**AIM OF THE TASK:** Output the listing below in full, exactly as written.

[Opening THE INPUT section]

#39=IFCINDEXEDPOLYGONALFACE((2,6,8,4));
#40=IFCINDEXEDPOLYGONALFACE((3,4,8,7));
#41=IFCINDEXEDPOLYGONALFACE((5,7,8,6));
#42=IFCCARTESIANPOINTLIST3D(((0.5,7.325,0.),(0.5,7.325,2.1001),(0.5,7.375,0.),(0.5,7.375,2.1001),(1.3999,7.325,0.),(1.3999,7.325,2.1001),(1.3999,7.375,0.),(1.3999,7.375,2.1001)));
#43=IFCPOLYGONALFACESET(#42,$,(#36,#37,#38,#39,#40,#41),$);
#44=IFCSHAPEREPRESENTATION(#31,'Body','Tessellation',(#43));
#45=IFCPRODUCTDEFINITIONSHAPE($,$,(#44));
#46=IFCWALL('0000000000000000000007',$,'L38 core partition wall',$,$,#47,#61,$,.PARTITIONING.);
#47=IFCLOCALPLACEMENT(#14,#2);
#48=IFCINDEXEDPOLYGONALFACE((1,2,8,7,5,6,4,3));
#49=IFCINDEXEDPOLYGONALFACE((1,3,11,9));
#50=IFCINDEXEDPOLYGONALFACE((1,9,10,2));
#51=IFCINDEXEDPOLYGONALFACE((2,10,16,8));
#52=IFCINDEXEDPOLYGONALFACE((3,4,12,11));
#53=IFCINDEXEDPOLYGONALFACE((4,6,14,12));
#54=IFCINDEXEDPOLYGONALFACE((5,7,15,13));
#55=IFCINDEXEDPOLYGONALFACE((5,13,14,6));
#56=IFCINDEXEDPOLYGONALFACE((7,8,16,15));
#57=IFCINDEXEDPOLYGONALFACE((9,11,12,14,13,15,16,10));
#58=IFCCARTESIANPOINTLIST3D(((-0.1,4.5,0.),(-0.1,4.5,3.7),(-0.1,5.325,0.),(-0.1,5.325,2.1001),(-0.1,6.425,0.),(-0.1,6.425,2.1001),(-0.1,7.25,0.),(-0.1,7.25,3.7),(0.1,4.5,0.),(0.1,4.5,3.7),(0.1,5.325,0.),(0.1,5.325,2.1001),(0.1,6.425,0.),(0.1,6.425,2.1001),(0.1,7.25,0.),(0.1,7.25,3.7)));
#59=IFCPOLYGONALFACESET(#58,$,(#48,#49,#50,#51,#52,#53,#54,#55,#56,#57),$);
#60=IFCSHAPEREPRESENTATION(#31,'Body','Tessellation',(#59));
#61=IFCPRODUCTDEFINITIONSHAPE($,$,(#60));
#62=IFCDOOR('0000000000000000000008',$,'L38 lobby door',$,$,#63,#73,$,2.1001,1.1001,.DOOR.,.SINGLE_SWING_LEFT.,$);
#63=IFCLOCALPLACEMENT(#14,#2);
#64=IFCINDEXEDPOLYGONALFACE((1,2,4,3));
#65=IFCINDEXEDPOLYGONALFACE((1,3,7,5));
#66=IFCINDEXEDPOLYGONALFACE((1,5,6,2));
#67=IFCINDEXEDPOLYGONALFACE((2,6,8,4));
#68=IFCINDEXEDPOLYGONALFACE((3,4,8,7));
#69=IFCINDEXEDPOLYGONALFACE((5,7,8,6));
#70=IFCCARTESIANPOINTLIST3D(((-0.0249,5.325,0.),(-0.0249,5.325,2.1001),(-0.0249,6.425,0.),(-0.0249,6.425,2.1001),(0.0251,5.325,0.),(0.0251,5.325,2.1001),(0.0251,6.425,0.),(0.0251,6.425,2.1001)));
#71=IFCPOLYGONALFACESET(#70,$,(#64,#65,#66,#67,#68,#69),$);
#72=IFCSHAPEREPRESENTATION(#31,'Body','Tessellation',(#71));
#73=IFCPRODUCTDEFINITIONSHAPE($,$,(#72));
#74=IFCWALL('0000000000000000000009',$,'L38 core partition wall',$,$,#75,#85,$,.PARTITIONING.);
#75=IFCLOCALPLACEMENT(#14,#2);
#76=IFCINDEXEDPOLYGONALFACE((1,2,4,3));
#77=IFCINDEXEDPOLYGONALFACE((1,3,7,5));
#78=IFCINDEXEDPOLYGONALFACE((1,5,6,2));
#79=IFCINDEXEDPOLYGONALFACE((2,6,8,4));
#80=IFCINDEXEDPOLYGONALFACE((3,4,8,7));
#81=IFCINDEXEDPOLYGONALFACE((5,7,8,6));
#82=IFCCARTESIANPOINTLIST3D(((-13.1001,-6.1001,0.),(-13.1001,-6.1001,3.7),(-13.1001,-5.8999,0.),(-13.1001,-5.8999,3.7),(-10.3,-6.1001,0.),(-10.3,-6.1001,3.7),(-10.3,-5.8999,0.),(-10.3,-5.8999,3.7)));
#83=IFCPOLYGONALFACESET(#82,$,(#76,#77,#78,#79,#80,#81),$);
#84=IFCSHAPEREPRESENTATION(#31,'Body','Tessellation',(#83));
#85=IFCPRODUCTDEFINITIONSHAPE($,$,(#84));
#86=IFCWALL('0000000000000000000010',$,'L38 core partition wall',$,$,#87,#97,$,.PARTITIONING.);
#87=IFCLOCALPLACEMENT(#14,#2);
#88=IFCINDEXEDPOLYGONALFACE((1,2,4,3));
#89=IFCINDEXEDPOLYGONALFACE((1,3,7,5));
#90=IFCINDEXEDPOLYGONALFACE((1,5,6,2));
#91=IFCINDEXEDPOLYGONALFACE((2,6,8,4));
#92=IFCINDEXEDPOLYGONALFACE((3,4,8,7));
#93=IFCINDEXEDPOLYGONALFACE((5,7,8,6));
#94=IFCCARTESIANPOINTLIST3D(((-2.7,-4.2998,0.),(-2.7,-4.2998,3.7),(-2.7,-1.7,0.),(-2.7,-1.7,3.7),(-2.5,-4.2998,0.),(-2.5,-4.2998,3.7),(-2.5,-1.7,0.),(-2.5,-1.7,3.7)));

[Closing THE INPUT section]

**EXERCISE SOLUTION:**
#39=IFCINDEXEDPOLYGONALFACE((2,6,8,4));
#40=IFCINDEXEDPOLYGONALFACE((3,4,8,7));
#41=IFCINDEXEDPOLYGONALFACE((5,7,8,6));
#42=IFCCARTESIANPOINTLIST3D(((0.5,7.325,0.),(0.5,7.325,2.1001),(0.5,7.375,0.),(0.5,7.375,2.1001),(1.3999,7.325,0.),(1.3999,7.325,2.1001),(1.3999,7.375,0.),(1.3999,7.375,2.1001)));
#43=IFCPOLYGONALFACESET(#42,$,(#36,#37,#38,#39,#40,#41),$);
#44=IFCSHAPEREPRESENTATION(#31,'Body','Tessellation',(#43));
#45=IFCPRODUCTDEFINITIONSHAPE($,$,(#44));
#46=IFCWALL('0000000000000000000007',$,'L38 core partition wall',$,$,#47,#61,$,.PARTITIONING.);
#47=IFCLOCALPLACEMENT(#14,#2);
#48=IFCINDEXEDPOLYGONALFACE((1,2,8,7,5,6,4,3));
#49=IFCINDEXEDPOLYGONALFACE((1,3,11,9));
#50=IFCINDEXEDPOLYGONALFACE((1,9,10,2));
#51=IFCINDEXEDPOLYGONALFACE((2,10,16,8));
#52=IFCINDEXEDPOLYGONALFACE((3,4,12,11));
#53=IFCINDEXEDPOLYGONALFACE((4,6,14,12));
#54=IFCINDEXEDPOLYGONALFACE((5,7,15,13));
#55=IFCINDEXEDPOLYGONALFACE((5,13,14,6));
#56=IFCINDEXEDPOLYGONALFACE((7,8,16,15));
#57=IFCINDEXEDPOLYGONALFACE((9,11,12,14,13,15,16,10));
#58=IFCCARTESIANPOINTLIST3D(((-0.1,4.5,0.),(-0.1,4.5,3.7),(-0.1,5.325,0.),(-0.1,5.325,2.1001),(-0.1,6.425,0.),(-0.1,6.425,2.1001),(-0.1,7.25,0.),(-0.1,7.25,3.7),(0.1,4.5,0.),(0.1,4.5,3.7),(0.1,5.325,0.),(0.1,5.325,2.1001),(0.1,6.425,0.),(0.1,6.425,2.1001),(0.1,7.25,0.),(0.1,7.25,3.7)));
#59=IFCPOLYGONALFACESET(#58,$,(#48,#49,#50,#51,#52,#53,#54,#55,#56,#57),$);
#60=IFCSHAPEREPRESENTATION(#31,'Body','Tessellation',(#59));
#61=IFCPRODUCTDEFINITIONSHAPE($,$,(#60));
#62=IFCDOOR('0000000000000000000008',$,'L38 lobby door',$,$,#63,#73,$,2.1001,1.1001,.DOOR.,.SINGLE_SWING_LEFT.,$);
#63=IFCLOCALPLACEMENT(#14,#2);
#64=IFCINDEXEDPOLYGONALFACE((1,2,4,3));
#65=IFCINDEXEDPOLYGONALFACE((1,3,7,5));
#66=IFCINDEXEDPOLYGONALFACE((1,5,6,2));
#67=IFCINDEXEDPOLYGONALFACE((2,6,8,4));
#68=IFCINDEXEDPOLYGONALFACE((3,4,8,7));
#69=IFCINDEXEDPOLYGONALFACE((5,7,8,6));
#70=IFCCARTESIANPOINTLIST3D(((-0.0249,5.325,0.),(-0.0249,5.325,2.1001),(-0.0249,6.425,0.),(-0.0249,6.425,2.1001),(0.0251,5.325,0.),(0.0251,5.325,2.1001),(0.0251,6.425,0.),(0.0251,6.425,2.1001)));
#71=IFCPOLYGONALFACESET(#70,$,(#64,#65,#66,#67,#68,#69),$);
#72=IFCSHAPEREPRESENTATION(#31,'Body','Tessellation',(#71));
#73=IFCPRODUCTDEFINITIONSHAPE($,$,(#72));
#74=IFCWALL('0000000000000000000009',$,'L38 core partition wall',$,$,#75,#85,$,.PARTITIONING.);
#75=IFCLOCALPLACEMENT(#14,#2);
#76=IFCINDEXEDPOLYGONALFACE((1,2,4,3));
#77=IFCINDEXEDPOLYGONALFACE((1,3,7,5));
#78=IFCINDEXEDPOLYGONALFACE((1,5,6,2));
#79=IFCINDEXEDPOLYGONALFACE((2,6,8,4));
#80=IFCINDEXEDPOLYGONALFACE((3,4,8,7));
#81=IFCINDEXEDPOLYGONALFACE((5,7,8,6));
#82=IFCCARTESIANPOINTLIST3D(((-13.1001,-6.1001,0.),(-13.1001,-6.1001,3.7),(-13.1001,-5.8999,0.),(-13.1001,-5.8999,3.7),(-10.3,-6.1001,0.),(-10.3,-6.1001,3.7),(-10.3,-5.8999,0.),(-10.3,-5.8999,3.7)));
#83=IFCPOLYGONALFACESET(#82,$,(#76,#77,#78,#79,#80,#81),$);
#84=IFCSHAPEREPRESENTATION(#31,'Body','Tessellation',(#83));
#85=IFCPRODUCTDEFINITIONSHAPE($,$,(#84));
#86=IFCWALL('0000000000000000000010',$,'L38 core partition wall',$,$,#87,#97,$,.PARTITIONING.);
#87=IFCLOCALPLACEMENT(#14,#2);
#88=IFCINDEXEDPOLYGONALFACE((1,2,4,3));
#89=IFCINDEXEDPOLYGONALFACE((1,3,7,5));
#90=IFCINDEXEDPOLYGONALFACE((1,5,6,2));
#91=IFCINDEXEDPOLYGONALFACE((2,6,8,4));
#92=IFCINDEXEDPOLYGONALFACE((3,4,8,7));
#93=IFCINDEXEDPOLYGONALFACE((5,7,8,6));
#94=IFCCARTESIANPOINTLIST3D(((-2.7,-4.2998,0.),(-2.7,-4.2998,3.7),(-2.7,-1.7,0.),(-2.7,-1.7,3.7),(-2.5,-4.2998,0.),(-2.5,-4.2998,3.7),(-2.5,-1.7,0.),(-2.5,-1.7,3.7)));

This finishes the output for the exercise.